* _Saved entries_
.....

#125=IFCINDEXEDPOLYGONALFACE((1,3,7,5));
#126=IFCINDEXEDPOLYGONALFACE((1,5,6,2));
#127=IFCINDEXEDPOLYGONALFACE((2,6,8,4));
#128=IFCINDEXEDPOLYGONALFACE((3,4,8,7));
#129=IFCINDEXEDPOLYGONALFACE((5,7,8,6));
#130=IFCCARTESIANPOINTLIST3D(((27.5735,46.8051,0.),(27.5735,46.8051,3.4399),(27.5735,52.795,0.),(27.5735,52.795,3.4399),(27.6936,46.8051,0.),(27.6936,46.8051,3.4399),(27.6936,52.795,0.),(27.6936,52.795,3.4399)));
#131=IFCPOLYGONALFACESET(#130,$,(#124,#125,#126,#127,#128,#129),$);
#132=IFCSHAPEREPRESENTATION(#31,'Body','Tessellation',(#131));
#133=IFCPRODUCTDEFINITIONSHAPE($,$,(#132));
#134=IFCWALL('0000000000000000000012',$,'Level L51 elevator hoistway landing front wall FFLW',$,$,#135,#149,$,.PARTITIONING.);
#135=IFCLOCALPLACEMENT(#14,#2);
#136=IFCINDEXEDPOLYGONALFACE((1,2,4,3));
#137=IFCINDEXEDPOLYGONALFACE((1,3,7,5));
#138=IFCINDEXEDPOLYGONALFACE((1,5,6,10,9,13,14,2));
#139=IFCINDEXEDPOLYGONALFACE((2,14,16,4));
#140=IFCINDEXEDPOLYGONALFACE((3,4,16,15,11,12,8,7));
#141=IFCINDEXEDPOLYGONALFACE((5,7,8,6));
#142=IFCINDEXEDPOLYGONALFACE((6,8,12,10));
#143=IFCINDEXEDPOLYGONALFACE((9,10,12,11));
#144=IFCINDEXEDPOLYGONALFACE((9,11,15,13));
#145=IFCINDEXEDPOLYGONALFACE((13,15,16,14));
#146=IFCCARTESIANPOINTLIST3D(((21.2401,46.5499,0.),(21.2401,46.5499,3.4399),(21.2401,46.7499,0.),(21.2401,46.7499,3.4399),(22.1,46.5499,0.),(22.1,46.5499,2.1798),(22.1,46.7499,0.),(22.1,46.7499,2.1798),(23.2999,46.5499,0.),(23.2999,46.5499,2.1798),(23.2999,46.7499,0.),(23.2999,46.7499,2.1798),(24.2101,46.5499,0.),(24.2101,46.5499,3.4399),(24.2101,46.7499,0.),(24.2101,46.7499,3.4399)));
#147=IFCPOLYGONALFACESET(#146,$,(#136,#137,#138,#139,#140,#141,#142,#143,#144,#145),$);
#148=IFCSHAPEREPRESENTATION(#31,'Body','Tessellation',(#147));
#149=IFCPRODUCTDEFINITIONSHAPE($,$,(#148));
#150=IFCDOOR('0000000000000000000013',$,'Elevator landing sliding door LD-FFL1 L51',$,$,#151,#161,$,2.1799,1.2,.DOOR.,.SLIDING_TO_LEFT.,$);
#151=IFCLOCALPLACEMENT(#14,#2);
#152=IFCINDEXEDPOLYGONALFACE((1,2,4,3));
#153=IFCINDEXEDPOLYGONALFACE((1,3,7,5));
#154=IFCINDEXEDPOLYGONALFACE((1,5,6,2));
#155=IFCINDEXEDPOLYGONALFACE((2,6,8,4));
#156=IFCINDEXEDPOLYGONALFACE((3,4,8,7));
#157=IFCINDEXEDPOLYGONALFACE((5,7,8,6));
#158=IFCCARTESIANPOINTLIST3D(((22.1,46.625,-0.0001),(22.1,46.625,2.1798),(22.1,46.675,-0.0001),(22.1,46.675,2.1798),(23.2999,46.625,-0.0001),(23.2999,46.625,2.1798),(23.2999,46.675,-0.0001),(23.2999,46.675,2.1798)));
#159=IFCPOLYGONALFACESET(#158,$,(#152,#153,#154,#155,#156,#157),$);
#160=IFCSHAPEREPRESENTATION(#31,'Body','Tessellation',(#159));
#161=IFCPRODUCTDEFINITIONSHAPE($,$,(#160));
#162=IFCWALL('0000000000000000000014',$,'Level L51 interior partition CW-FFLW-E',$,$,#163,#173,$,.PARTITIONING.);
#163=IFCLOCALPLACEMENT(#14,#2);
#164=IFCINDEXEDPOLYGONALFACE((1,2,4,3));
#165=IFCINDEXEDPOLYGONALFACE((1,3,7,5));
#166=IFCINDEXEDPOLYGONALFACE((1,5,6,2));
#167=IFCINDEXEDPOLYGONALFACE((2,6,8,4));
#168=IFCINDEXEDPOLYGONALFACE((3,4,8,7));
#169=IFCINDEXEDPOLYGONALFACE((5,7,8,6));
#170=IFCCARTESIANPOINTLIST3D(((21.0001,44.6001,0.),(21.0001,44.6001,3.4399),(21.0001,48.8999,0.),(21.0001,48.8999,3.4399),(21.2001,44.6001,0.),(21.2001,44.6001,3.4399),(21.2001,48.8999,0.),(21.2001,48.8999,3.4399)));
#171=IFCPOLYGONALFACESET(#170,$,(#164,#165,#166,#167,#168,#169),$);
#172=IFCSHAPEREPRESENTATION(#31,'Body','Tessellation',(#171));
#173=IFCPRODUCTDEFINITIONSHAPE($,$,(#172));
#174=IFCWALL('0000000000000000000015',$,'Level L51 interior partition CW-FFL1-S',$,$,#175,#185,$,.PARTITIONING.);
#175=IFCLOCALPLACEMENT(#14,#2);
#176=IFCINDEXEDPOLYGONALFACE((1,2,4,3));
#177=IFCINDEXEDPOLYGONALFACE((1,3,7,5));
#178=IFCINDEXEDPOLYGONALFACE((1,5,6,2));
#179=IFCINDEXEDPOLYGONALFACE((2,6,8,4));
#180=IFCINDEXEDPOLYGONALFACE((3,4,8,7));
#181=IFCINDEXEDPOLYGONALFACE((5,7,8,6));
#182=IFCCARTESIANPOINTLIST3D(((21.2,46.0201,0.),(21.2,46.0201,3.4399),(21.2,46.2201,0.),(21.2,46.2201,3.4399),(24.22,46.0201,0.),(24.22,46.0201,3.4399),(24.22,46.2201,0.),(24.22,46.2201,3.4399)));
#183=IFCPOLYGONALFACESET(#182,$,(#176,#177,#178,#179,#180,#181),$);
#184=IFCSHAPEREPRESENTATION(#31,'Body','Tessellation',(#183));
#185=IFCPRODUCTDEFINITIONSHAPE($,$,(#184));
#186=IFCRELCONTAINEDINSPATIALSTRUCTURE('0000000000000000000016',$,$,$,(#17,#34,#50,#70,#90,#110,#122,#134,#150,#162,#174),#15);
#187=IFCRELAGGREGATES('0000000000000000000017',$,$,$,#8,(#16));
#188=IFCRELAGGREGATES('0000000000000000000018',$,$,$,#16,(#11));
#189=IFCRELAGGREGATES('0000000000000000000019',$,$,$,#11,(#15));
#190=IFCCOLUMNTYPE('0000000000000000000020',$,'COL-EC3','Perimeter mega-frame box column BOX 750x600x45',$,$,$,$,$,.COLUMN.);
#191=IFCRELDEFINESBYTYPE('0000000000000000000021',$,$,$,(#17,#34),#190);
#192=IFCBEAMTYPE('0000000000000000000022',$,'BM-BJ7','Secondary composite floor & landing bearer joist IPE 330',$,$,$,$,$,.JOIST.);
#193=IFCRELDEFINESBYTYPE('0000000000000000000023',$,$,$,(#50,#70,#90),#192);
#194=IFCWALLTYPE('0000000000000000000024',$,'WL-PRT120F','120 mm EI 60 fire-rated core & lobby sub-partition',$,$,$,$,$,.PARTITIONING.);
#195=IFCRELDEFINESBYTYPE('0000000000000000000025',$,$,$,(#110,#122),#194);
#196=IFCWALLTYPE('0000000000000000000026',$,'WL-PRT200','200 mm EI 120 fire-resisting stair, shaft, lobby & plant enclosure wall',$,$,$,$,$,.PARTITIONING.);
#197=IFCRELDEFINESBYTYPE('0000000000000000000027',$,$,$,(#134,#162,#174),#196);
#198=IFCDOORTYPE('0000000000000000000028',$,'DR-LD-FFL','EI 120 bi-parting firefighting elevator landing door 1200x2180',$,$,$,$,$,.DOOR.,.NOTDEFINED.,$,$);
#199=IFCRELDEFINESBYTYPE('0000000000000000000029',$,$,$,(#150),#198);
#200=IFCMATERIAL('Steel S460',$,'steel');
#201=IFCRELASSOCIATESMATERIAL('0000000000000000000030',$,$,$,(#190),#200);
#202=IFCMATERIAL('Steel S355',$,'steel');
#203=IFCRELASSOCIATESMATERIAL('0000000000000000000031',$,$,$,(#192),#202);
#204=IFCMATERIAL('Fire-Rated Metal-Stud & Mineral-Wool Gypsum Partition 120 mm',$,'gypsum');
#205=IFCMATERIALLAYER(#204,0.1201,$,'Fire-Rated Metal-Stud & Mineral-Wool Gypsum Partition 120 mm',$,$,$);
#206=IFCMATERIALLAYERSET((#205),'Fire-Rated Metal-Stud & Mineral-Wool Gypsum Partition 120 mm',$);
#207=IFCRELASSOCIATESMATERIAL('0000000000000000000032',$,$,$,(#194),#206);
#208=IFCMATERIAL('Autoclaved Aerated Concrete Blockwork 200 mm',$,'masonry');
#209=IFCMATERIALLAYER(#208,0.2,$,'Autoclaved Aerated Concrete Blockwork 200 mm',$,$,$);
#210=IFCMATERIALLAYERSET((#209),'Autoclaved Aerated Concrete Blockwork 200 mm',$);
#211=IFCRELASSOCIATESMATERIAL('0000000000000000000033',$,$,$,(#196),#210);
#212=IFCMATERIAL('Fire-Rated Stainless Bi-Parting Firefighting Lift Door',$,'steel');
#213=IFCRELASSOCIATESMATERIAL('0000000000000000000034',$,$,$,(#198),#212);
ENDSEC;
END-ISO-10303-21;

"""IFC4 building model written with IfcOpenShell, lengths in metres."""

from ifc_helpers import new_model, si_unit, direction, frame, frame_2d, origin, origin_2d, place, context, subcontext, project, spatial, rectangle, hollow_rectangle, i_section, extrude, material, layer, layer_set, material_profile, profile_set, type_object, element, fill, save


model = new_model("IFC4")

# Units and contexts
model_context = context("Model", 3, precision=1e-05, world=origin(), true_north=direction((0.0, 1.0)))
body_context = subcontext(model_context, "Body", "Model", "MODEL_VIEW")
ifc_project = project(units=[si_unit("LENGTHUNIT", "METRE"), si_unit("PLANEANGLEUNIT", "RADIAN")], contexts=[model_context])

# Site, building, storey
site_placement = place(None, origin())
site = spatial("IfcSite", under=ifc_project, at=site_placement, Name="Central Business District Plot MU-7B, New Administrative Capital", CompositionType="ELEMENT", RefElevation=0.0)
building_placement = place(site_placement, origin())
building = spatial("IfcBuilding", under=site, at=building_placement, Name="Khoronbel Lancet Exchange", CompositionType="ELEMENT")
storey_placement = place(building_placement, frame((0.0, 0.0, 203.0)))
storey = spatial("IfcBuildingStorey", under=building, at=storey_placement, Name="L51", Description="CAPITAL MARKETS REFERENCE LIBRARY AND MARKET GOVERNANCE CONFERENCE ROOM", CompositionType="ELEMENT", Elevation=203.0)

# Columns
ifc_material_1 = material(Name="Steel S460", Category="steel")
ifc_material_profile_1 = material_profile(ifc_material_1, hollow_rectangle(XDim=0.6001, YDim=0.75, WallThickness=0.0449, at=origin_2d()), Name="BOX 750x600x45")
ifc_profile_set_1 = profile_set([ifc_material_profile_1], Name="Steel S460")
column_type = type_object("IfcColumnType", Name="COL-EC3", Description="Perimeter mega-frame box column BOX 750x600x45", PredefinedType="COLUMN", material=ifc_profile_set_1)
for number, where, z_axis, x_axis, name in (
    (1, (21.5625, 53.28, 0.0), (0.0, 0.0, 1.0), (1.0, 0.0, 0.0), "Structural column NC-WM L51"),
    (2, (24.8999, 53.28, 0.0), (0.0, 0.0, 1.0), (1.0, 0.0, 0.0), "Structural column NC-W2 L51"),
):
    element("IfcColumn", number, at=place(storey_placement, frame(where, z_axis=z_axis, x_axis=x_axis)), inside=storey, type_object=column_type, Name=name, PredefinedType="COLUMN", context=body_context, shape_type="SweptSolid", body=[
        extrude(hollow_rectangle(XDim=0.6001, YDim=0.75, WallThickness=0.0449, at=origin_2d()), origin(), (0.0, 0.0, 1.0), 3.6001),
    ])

.....

* _Instructions for the task_
Using the records above, write out exactly the lines from the one containing "frame((0.0, 0.0, 203.0)))" through the last, and add nothing.

* _Solution to the exercise_
storey_placement = place(building_placement, frame((0.0, 0.0, 203.0)))
storey = spatial("IfcBuildingStorey", under=building, at=storey_placement, Name="L51", Description="CAPITAL MARKETS REFERENCE LIBRARY AND MARKET GOVERNANCE CONFERENCE ROOM", CompositionType="ELEMENT", Elevation=203.0)

# Columns
ifc_material_1 = material(Name="Steel S460", Category="steel")
ifc_material_profile_1 = material_profile(ifc_material_1, hollow_rectangle(XDim=0.6001, YDim=0.75, WallThickness=0.0449, at=origin_2d()), Name="BOX 750x600x45")
ifc_profile_set_1 = profile_set([ifc_material_profile_1], Name="Steel S460")
column_type = type_object("IfcColumnType", Name="COL-EC3", Description="Perimeter mega-frame box column BOX 750x600x45", PredefinedType="COLUMN", material=ifc_profile_set_1)
for number, where, z_axis, x_axis, name in (
    (1, (21.5625, 53.28, 0.0), (0.0, 0.0, 1.0), (1.0, 0.0, 0.0), "Structural column NC-WM L51"),
    (2, (24.8999, 53.28, 0.0), (0.0, 0.0, 1.0), (1.0, 0.0, 0.0), "Structural column NC-W2 L51"),
):
    element("IfcColumn", number, at=place(storey_placement, frame(where, z_axis=z_axis, x_axis=x_axis)), inside=storey, type_object=column_type, Name=name, PredefinedType="COLUMN", context=body_context, shape_type="SweptSolid", body=[
        extrude(hollow_rectangle(XDim=0.6001, YDim=0.75, WallThickness=0.0449, at=origin_2d()), origin(), (0.0, 0.0, 1.0), 3.6001),
    ])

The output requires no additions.